◆ **Problem to work on**:
Exactly how many lines in the entries contain "IFCDIRECTION"? Give that number alone.

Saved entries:
....
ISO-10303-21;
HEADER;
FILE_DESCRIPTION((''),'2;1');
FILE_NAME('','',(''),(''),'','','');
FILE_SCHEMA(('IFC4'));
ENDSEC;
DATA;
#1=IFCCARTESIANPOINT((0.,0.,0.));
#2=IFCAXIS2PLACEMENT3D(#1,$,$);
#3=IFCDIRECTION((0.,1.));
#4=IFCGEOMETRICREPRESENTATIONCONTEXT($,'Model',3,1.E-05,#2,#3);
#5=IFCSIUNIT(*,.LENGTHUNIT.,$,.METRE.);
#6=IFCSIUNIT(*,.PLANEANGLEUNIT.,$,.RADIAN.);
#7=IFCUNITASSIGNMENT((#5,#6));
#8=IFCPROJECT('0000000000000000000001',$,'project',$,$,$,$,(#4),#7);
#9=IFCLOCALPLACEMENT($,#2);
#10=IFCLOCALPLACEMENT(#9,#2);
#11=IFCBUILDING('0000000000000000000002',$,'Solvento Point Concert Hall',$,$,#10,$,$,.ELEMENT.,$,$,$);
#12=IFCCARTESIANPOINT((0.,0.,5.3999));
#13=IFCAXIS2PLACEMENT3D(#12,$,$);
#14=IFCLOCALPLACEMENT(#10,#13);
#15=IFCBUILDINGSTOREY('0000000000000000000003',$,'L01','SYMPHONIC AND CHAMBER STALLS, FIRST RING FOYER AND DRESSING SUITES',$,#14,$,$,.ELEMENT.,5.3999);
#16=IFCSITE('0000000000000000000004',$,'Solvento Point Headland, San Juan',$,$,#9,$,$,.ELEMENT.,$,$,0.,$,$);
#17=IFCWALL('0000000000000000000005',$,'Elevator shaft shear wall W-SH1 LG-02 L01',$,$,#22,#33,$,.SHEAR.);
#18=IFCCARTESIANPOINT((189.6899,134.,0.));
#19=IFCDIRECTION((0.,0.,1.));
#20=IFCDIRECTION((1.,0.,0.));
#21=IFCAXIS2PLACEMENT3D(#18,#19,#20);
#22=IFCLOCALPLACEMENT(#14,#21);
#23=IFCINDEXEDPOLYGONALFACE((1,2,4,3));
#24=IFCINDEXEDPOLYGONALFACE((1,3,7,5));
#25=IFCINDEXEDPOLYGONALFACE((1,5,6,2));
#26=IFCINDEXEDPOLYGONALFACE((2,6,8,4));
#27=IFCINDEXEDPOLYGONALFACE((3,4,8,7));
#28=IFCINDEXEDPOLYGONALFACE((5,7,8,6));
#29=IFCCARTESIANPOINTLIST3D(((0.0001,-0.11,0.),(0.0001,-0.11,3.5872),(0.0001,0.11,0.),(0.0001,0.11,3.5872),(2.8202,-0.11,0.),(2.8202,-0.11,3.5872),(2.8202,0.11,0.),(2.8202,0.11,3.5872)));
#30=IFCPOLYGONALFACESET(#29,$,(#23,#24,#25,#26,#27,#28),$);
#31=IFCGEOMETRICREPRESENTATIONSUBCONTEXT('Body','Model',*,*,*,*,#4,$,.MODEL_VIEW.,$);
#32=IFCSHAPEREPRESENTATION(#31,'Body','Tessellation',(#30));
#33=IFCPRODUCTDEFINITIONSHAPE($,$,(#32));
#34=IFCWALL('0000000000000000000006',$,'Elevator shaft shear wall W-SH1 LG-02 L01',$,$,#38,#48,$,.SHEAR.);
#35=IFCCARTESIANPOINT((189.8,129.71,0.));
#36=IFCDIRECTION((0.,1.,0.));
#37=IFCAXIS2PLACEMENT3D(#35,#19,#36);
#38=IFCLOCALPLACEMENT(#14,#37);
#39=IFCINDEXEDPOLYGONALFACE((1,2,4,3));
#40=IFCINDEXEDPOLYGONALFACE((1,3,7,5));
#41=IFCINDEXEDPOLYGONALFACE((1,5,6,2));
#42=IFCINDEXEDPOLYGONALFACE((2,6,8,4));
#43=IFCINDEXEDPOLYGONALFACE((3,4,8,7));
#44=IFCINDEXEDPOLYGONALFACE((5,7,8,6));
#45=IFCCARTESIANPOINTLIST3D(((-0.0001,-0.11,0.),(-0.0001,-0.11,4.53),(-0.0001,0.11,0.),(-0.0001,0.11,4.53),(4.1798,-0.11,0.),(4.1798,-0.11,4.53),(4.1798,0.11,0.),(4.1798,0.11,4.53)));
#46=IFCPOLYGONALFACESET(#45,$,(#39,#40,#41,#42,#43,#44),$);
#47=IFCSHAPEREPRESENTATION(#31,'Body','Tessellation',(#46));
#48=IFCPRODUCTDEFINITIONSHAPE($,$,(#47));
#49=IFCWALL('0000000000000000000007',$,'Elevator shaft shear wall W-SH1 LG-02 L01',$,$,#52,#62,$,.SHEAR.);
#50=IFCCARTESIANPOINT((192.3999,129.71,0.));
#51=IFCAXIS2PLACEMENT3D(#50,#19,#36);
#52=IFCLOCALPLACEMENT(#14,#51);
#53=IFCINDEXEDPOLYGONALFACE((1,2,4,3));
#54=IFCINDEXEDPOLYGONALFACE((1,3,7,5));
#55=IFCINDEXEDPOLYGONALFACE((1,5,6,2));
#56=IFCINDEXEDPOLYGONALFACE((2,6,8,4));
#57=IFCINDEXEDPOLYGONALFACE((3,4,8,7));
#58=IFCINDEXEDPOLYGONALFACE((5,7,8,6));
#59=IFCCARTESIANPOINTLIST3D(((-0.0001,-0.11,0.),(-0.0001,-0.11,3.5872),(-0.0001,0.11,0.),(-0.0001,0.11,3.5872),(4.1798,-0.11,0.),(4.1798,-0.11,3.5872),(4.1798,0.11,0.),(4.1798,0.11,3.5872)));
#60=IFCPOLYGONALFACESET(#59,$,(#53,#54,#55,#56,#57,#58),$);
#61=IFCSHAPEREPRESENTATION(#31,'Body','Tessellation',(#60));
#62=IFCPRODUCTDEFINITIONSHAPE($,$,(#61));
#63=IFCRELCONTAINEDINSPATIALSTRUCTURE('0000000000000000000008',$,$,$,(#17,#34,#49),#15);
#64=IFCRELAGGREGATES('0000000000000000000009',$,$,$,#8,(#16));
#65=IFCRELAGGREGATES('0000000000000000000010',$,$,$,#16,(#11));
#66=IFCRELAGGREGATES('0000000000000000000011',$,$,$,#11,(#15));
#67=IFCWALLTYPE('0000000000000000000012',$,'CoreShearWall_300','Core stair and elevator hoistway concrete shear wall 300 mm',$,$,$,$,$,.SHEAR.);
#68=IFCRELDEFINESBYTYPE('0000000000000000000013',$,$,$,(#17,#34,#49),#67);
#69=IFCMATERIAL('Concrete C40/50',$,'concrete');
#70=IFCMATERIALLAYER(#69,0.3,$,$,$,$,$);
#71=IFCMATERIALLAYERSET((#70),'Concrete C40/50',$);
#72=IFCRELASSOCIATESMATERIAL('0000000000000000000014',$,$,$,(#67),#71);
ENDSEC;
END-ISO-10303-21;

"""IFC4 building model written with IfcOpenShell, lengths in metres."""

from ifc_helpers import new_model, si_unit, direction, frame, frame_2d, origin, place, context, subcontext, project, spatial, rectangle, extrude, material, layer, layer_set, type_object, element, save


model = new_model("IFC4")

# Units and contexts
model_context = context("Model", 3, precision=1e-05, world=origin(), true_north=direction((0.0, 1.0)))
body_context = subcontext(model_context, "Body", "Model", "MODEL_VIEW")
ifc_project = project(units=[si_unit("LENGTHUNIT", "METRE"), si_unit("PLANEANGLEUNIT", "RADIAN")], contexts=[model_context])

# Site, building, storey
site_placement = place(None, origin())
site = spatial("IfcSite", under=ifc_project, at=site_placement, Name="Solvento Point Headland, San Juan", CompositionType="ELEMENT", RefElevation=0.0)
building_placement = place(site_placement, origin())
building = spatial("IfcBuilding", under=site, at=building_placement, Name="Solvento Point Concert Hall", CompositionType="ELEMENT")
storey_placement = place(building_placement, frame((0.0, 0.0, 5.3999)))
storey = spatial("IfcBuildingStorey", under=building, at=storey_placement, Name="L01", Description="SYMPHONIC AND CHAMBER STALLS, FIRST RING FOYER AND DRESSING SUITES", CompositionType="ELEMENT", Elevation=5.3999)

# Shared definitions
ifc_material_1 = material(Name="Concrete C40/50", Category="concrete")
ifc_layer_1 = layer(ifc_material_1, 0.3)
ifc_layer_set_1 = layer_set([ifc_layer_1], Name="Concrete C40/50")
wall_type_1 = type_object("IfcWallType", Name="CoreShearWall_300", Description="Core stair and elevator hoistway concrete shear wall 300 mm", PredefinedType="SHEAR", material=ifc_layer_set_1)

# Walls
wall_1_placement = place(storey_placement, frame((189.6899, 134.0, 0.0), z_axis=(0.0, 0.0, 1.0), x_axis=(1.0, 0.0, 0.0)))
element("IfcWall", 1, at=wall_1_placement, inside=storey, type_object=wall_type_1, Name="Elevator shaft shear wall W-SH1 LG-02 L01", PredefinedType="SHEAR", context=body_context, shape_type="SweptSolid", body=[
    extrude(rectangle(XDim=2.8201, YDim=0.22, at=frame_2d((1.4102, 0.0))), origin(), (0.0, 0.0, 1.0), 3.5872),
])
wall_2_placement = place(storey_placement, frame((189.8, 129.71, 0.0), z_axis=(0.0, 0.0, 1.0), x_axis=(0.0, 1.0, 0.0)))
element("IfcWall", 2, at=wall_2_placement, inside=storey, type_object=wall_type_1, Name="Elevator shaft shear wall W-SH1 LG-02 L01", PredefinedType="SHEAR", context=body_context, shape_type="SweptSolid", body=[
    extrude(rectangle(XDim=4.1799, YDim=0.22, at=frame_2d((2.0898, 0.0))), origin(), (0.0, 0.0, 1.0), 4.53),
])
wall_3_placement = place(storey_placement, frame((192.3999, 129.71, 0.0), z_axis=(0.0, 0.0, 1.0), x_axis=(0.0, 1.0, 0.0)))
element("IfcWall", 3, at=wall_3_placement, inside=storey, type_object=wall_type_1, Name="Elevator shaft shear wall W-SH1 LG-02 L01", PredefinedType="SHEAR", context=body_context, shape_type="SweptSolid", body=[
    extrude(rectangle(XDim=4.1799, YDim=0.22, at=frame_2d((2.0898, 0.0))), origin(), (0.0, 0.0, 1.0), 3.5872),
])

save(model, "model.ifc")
....
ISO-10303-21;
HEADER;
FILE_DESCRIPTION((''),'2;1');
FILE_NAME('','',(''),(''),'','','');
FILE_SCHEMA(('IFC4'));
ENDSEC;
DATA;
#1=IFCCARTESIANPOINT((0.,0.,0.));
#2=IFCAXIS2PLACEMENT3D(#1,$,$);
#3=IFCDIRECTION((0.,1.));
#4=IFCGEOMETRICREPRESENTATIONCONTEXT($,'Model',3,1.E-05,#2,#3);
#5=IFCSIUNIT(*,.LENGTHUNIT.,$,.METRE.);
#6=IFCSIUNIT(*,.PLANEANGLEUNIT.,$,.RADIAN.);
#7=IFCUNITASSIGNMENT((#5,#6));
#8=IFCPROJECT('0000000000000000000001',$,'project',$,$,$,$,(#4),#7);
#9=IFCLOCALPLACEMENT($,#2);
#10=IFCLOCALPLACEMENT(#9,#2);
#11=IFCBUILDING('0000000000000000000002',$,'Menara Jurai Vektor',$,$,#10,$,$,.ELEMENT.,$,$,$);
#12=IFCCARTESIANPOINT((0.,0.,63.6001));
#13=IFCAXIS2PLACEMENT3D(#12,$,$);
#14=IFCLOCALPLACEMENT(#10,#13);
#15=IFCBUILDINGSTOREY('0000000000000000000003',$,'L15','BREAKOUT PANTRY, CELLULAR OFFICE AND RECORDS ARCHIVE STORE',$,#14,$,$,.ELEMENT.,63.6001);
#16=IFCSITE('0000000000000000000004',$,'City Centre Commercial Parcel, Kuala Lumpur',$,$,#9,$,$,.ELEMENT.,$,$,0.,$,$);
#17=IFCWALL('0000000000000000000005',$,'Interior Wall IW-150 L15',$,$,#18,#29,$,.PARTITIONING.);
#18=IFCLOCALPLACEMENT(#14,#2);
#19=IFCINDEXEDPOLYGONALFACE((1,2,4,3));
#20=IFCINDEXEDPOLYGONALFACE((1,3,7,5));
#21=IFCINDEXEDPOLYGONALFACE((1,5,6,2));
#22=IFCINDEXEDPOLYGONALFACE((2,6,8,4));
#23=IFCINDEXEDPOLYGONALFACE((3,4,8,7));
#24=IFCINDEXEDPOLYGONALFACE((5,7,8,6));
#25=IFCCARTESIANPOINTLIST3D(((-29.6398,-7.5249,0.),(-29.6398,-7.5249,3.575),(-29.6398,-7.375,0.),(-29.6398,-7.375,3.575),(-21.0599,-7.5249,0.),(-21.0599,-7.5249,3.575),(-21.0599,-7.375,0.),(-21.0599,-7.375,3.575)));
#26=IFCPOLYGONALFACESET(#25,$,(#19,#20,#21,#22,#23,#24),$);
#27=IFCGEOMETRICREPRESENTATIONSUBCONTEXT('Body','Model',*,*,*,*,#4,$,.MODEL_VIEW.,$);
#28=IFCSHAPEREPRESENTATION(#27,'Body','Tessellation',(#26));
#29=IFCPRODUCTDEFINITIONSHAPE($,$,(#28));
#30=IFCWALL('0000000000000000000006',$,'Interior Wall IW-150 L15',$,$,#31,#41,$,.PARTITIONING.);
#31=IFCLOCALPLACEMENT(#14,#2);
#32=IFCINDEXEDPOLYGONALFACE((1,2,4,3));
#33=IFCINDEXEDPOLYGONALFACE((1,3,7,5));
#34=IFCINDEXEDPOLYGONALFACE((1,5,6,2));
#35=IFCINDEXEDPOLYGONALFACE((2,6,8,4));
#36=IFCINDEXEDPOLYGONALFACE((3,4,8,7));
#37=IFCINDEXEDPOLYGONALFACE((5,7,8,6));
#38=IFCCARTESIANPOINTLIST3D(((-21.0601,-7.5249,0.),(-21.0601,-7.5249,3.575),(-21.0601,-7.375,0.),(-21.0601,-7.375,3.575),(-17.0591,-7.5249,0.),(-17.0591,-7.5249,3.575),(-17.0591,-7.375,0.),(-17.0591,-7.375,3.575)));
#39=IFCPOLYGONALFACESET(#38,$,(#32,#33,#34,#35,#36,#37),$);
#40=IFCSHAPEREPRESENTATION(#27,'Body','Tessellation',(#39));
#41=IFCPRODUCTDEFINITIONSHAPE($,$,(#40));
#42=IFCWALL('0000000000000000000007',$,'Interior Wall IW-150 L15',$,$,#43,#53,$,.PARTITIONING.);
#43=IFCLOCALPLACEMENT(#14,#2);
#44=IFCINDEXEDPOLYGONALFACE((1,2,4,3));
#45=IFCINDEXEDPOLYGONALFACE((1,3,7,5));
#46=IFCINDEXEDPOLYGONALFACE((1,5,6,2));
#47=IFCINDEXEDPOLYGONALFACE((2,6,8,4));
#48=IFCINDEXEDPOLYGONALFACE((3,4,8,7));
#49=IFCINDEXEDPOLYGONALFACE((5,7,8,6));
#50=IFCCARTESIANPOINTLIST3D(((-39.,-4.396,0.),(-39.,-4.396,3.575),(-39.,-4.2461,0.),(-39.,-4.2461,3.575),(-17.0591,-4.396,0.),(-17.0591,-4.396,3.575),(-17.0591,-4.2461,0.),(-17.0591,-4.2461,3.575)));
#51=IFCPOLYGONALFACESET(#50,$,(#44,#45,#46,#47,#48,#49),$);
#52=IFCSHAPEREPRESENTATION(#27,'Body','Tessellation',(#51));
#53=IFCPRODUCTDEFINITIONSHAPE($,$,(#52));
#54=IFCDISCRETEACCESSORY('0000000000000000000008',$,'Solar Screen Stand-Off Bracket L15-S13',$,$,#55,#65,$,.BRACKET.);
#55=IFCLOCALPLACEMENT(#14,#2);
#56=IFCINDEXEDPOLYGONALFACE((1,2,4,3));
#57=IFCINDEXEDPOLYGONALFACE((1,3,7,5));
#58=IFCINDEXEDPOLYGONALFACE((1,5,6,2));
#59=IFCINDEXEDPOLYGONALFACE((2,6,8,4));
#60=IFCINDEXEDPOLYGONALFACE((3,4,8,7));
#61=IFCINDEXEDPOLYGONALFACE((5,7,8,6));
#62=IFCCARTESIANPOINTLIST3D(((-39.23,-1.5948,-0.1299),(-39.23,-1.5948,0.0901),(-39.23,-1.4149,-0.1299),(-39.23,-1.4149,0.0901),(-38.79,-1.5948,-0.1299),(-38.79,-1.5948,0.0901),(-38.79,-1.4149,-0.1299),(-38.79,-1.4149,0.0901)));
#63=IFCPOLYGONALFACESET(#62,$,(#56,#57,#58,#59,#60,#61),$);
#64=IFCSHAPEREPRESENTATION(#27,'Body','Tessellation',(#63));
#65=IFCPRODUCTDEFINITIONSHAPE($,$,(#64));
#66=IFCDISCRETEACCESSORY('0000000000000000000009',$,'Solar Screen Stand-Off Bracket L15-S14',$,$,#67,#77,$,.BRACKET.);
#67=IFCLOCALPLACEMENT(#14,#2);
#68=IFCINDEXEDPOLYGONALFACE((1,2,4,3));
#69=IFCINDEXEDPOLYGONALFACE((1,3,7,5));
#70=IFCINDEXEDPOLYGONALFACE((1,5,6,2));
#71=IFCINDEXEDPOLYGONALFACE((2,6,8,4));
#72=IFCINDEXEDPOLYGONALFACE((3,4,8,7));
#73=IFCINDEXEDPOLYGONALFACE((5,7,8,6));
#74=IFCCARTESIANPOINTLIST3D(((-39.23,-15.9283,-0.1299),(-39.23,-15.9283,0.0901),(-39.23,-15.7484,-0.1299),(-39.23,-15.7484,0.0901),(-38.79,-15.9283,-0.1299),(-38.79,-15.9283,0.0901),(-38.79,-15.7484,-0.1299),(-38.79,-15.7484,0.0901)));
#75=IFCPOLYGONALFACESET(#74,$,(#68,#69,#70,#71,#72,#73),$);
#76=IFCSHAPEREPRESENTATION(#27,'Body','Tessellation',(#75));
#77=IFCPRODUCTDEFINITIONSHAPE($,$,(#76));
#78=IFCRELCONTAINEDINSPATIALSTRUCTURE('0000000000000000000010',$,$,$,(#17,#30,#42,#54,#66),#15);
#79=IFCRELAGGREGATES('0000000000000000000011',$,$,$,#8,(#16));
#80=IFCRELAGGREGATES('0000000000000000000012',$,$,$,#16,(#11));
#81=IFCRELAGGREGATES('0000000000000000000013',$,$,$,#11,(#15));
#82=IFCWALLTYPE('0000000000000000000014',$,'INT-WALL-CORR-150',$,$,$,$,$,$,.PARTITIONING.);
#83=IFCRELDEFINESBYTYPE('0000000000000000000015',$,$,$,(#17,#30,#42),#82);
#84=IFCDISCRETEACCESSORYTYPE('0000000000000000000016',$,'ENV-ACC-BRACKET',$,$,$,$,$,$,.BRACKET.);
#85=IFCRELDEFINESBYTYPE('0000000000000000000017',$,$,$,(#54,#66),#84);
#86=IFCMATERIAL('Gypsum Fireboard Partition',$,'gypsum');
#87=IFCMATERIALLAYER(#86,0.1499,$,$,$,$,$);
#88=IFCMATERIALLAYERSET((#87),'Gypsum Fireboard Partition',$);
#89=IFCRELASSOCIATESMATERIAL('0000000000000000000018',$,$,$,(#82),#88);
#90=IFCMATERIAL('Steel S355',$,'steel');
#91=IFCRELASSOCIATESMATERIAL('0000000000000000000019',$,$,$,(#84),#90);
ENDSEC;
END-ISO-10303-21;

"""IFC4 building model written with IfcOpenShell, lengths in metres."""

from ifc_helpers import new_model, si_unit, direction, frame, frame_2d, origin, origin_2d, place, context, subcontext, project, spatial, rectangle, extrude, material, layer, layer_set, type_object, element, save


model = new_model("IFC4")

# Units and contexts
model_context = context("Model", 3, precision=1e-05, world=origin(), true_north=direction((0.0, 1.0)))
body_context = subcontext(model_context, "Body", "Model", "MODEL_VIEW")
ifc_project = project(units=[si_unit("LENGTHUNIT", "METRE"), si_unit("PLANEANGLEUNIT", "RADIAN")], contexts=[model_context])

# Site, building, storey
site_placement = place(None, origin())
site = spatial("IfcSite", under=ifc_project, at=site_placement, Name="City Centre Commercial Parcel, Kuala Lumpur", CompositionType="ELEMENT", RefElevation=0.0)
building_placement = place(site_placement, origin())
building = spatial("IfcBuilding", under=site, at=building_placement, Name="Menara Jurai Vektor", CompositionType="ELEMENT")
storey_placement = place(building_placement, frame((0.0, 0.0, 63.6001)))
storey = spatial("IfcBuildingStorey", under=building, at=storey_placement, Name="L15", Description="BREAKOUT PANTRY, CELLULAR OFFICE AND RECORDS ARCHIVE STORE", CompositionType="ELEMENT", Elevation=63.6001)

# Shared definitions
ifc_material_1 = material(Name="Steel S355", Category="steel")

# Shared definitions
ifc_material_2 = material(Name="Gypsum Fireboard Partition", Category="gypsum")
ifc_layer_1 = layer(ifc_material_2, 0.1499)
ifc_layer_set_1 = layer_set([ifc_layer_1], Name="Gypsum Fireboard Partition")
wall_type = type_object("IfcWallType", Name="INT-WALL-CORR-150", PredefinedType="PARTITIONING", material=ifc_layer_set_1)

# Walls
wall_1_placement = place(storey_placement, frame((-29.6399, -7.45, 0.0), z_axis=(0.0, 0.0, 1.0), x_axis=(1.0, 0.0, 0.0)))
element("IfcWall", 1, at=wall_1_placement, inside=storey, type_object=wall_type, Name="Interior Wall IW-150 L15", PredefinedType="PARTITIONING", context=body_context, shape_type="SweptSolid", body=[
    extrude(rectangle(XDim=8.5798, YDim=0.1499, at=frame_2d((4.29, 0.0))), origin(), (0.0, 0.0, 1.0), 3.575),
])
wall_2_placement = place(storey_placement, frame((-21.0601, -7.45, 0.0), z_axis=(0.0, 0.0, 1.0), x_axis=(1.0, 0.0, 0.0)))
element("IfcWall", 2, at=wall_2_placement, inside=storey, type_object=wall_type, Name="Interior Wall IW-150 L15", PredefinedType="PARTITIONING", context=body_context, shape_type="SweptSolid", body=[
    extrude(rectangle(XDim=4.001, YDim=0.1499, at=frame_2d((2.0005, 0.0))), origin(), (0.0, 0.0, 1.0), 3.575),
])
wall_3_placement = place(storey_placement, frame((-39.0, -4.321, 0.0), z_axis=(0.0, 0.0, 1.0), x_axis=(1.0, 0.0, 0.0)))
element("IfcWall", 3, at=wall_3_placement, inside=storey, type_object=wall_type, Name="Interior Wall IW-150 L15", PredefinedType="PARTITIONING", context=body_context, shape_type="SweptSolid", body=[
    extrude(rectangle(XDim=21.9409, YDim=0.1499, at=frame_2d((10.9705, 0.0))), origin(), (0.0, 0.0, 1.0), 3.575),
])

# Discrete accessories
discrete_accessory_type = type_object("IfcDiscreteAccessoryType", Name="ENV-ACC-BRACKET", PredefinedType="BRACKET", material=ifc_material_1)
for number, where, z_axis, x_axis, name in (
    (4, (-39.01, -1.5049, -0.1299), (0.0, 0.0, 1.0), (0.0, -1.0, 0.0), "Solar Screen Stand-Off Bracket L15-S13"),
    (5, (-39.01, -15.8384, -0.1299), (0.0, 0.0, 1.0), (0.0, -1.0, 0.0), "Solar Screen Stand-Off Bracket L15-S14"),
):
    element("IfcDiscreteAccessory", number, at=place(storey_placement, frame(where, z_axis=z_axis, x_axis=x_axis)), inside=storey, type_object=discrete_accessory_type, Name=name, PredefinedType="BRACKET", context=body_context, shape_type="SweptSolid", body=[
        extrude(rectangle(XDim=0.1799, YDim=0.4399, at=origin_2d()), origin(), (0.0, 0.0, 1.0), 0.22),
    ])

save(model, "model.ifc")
....
◆ **Written response**:
5